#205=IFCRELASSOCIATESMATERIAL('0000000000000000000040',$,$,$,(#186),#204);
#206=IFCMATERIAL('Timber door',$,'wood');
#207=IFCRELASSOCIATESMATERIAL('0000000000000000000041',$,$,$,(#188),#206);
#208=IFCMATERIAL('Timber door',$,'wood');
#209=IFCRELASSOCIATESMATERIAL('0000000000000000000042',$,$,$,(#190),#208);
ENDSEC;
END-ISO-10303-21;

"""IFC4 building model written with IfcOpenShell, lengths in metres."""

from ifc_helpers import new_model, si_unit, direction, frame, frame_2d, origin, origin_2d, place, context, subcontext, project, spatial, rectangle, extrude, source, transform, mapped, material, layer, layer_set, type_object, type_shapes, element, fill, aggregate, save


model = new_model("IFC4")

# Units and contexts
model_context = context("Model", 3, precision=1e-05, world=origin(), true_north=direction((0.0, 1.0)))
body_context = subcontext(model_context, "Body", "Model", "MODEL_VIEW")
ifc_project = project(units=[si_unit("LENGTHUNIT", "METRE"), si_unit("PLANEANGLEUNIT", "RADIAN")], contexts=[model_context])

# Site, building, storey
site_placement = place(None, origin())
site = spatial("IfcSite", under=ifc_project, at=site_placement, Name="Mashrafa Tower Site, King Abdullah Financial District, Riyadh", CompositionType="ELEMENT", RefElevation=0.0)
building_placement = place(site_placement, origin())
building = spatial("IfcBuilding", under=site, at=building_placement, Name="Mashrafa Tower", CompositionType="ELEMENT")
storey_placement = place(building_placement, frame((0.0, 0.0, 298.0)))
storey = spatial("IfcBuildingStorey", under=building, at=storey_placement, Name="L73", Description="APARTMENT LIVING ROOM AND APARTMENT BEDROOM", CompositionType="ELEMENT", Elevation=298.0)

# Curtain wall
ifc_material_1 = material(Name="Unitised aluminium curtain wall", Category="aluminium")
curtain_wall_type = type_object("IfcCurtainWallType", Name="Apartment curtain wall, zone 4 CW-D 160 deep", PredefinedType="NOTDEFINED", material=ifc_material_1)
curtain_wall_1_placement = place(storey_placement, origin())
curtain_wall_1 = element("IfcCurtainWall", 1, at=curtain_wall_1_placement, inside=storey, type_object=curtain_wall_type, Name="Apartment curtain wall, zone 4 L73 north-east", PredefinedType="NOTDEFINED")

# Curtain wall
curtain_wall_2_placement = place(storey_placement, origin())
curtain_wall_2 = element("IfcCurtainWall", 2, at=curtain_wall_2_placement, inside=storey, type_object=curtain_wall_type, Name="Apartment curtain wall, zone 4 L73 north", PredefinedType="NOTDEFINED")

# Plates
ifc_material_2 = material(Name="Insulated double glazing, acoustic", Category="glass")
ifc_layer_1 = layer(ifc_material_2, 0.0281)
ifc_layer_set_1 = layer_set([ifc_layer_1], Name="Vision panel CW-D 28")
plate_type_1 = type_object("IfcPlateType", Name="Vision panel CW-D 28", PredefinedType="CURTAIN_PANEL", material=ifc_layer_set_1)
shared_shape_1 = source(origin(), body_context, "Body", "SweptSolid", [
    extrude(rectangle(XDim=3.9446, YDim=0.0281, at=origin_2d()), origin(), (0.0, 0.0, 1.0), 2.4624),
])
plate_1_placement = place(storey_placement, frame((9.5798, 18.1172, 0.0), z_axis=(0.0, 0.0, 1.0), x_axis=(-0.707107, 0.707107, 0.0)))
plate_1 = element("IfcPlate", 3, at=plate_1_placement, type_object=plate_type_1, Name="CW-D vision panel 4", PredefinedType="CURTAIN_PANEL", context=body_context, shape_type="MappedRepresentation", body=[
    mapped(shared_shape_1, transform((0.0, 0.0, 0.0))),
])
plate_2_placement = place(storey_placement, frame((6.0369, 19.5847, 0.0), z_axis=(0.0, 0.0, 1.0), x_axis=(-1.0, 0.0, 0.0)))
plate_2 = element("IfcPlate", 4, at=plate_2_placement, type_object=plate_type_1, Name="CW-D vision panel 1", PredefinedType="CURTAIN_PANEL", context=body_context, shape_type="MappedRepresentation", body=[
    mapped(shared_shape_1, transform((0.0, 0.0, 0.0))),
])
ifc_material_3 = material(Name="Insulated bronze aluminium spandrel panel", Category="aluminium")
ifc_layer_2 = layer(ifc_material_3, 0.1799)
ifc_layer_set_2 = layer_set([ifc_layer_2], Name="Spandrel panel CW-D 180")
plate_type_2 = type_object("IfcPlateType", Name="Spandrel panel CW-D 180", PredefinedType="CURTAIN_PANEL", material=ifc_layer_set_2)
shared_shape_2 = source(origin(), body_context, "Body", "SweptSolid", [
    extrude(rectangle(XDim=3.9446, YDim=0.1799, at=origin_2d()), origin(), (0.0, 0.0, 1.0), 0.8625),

▶ **TRY IT**: Lines before the one containing "ifc_layer_1 = layer(ifc_material_2, 0.0281)" stay out; reproduce that line and all the lines after it, through the end of the listing, exactly.

▶ **SOLUTION TO THE EXERCISE**:
ifc_layer_1 = layer(ifc_material_2, 0.0281)
ifc_layer_set_1 = layer_set([ifc_layer_1], Name="Vision panel CW-D 28")
plate_type_1 = type_object("IfcPlateType", Name="Vision panel CW-D 28", PredefinedType="CURTAIN_PANEL", material=ifc_layer_set_1)
shared_shape_1 = source(origin(), body_context, "Body", "SweptSolid", [
    extrude(rectangle(XDim=3.9446, YDim=0.0281, at=origin_2d()), origin(), (0.0, 0.0, 1.0), 2.4624),
])
plate_1_placement = place(storey_placement, frame((9.5798, 18.1172, 0.0), z_axis=(0.0, 0.0, 1.0), x_axis=(-0.707107, 0.707107, 0.0)))
plate_1 = element("IfcPlate", 3, at=plate_1_placement, type_object=plate_type_1, Name="CW-D vision panel 4", PredefinedType="CURTAIN_PANEL", context=body_context, shape_type="MappedRepresentation", body=[
    mapped(shared_shape_1, transform((0.0, 0.0, 0.0))),
])
plate_2_placement = place(storey_placement, frame((6.0369, 19.5847, 0.0), z_axis=(0.0, 0.0, 1.0), x_axis=(-1.0, 0.0, 0.0)))
plate_2 = element("IfcPlate", 4, at=plate_2_placement, type_object=plate_type_1, Name="CW-D vision panel 1", PredefinedType="CURTAIN_PANEL", context=body_context, shape_type="MappedRepresentation", body=[
    mapped(shared_shape_1, transform((0.0, 0.0, 0.0))),
])
ifc_material_3 = material(Name="Insulated bronze aluminium spandrel panel", Category="aluminium")
ifc_layer_2 = layer(ifc_material_3, 0.1799)
ifc_layer_set_2 = layer_set([ifc_layer_2], Name="Spandrel panel CW-D 180")
plate_type_2 = type_object("IfcPlateType", Name="Spandrel panel CW-D 180", PredefinedType="CURTAIN_PANEL", material=ifc_layer_set_2)
shared_shape_2 = source(origin(), body_context, "Body", "SweptSolid", [
    extrude(rectangle(XDim=3.9446, YDim=0.1799, at=origin_2d()), origin(), (0.0, 0.0, 1.0), 0.8625),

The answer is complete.